→ ABOUT THIS EXERCISE: Below are entries. Pull out all lines containing "Category".

→ SUPPLIED RECORDS:
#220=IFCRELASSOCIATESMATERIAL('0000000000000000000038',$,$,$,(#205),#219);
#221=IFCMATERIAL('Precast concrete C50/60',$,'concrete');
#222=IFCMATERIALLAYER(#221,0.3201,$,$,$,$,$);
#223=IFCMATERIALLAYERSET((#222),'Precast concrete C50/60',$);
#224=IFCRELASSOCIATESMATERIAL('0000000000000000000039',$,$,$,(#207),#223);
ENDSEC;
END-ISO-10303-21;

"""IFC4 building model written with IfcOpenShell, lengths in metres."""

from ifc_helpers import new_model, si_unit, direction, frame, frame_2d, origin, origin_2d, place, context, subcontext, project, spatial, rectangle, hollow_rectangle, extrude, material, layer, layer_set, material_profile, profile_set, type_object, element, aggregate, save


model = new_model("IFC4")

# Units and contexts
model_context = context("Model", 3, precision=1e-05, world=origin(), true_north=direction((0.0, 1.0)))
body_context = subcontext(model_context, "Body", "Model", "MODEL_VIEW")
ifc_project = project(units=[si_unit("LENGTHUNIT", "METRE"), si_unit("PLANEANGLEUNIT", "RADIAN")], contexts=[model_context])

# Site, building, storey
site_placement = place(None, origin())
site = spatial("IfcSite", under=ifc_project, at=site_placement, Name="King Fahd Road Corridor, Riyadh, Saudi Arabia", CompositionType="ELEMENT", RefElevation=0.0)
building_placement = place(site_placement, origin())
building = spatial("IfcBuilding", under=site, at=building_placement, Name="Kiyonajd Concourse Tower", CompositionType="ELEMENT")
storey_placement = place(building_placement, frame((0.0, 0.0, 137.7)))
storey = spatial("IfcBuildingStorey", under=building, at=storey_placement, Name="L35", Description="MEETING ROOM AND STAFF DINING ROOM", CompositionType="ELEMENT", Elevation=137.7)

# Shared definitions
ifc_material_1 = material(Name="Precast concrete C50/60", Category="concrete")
==
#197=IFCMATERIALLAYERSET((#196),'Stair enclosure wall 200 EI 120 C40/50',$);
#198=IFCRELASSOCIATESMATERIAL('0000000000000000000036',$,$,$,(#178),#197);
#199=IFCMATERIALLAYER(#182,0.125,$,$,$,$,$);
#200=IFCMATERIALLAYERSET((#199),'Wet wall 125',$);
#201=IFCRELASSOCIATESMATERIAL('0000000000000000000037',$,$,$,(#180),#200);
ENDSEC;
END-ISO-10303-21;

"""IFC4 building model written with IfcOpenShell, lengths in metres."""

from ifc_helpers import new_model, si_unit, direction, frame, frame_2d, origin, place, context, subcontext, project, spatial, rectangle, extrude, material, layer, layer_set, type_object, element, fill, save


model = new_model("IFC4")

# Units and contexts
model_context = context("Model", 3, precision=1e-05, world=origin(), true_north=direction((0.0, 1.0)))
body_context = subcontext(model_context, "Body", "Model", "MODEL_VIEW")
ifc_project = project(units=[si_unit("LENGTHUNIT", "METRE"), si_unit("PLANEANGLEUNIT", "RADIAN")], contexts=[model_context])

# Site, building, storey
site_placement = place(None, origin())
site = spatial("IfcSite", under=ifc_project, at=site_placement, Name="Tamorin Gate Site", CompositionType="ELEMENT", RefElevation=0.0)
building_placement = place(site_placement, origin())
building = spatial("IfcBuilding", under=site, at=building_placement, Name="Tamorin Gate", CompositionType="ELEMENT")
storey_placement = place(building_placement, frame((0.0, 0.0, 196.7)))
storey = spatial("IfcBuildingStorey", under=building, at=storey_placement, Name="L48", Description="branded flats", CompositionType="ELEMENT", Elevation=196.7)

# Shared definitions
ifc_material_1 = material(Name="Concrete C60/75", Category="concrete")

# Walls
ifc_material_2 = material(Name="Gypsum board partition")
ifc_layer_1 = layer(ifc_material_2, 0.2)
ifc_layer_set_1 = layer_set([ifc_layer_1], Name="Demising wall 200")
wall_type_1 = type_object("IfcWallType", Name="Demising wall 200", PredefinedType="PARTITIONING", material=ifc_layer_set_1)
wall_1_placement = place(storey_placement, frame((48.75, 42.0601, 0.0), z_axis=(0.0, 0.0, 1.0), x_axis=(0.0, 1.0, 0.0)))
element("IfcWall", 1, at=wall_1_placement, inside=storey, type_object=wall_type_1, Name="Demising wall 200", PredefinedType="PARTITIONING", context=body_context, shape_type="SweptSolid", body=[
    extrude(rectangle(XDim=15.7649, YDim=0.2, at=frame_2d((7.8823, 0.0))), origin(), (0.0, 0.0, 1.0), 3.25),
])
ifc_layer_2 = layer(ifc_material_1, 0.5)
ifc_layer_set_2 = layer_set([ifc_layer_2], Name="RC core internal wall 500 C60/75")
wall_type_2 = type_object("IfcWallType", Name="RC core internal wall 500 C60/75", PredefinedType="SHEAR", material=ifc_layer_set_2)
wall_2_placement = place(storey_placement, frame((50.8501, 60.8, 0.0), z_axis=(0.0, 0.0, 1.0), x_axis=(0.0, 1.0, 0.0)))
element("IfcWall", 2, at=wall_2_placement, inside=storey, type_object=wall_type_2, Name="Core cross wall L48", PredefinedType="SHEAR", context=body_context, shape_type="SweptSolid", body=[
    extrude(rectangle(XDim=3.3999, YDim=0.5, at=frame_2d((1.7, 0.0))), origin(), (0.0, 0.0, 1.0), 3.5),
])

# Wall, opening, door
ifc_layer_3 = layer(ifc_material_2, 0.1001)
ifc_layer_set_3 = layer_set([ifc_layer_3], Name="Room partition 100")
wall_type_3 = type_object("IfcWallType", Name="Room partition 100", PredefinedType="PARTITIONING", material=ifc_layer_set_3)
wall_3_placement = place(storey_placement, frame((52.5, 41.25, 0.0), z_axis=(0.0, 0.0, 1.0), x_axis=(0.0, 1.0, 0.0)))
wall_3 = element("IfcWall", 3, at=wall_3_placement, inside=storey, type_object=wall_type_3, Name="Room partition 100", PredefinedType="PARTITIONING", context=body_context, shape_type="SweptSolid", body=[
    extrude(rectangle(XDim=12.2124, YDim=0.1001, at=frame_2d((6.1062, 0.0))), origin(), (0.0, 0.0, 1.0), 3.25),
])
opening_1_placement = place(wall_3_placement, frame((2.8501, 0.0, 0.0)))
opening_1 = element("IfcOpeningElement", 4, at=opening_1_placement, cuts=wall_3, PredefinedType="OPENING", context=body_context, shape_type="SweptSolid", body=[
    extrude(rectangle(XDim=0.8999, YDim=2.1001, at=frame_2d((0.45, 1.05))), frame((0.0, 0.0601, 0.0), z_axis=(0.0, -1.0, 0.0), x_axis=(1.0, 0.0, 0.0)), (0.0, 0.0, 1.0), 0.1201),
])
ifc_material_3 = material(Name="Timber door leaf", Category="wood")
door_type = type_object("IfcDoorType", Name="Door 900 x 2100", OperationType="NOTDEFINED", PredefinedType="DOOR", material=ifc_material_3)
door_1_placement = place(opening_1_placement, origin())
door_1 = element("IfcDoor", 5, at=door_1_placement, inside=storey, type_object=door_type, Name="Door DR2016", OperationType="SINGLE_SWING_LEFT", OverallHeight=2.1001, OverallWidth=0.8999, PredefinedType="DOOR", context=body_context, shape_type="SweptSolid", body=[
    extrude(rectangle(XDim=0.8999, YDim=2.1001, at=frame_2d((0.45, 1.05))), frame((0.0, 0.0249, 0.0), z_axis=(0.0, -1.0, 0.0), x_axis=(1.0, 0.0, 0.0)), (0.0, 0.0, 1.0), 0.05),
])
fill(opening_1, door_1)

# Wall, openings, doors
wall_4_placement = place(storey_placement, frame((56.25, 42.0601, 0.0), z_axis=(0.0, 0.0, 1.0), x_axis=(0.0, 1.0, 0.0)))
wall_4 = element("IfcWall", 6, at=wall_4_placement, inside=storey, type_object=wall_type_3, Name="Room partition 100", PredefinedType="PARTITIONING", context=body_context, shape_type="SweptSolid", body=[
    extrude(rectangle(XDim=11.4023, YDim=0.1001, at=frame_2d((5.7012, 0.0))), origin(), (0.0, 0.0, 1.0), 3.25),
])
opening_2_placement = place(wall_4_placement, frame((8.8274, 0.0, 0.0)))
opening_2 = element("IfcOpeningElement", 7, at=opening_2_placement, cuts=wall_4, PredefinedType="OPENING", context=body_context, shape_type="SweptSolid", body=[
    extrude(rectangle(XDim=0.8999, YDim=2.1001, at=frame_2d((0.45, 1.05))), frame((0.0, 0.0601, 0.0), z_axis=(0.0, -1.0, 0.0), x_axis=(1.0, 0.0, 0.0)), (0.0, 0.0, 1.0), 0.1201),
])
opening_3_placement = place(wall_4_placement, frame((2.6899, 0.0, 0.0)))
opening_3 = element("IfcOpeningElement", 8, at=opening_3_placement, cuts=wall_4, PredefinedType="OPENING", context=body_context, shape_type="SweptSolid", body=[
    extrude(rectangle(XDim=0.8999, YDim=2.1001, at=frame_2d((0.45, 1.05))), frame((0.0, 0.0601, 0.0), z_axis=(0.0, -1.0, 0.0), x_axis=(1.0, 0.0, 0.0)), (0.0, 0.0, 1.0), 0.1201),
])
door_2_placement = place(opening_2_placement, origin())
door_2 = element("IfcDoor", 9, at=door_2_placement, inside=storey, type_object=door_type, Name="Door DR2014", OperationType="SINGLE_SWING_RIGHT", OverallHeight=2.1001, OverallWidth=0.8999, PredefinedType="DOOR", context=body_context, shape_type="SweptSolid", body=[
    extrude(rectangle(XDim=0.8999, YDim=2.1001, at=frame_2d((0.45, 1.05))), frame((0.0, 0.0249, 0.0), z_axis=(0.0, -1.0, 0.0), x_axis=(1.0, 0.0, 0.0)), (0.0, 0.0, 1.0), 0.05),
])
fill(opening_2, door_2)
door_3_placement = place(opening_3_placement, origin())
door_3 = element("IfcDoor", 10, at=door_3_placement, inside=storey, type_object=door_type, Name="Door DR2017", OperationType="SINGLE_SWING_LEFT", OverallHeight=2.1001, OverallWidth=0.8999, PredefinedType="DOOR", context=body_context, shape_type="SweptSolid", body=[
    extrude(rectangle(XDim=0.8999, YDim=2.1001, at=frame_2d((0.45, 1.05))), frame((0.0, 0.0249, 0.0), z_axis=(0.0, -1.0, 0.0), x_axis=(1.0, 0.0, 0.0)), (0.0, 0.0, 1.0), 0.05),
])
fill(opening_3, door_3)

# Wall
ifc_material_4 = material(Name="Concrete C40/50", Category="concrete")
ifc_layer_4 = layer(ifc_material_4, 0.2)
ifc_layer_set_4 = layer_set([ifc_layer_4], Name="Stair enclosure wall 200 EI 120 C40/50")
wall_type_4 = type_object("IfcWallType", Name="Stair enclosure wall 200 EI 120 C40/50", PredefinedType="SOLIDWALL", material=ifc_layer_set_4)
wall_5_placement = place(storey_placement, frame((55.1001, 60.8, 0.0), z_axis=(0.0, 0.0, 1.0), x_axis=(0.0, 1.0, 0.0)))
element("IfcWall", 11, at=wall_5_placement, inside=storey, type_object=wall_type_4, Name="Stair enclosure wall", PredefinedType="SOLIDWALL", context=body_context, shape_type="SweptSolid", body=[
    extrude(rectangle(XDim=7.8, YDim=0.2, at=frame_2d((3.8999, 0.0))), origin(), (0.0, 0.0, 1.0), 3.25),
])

→ SOLUTION TO THIS TASK:
ifc_material_1 = material(Name="Precast concrete C50/60", Category="concrete")
ifc_material_1 = material(Name="Concrete C60/75", Category="concrete")
ifc_material_3 = material(Name="Timber door leaf", Category="wood")
ifc_material_4 = material(Name="Concrete C40/50", Category="concrete")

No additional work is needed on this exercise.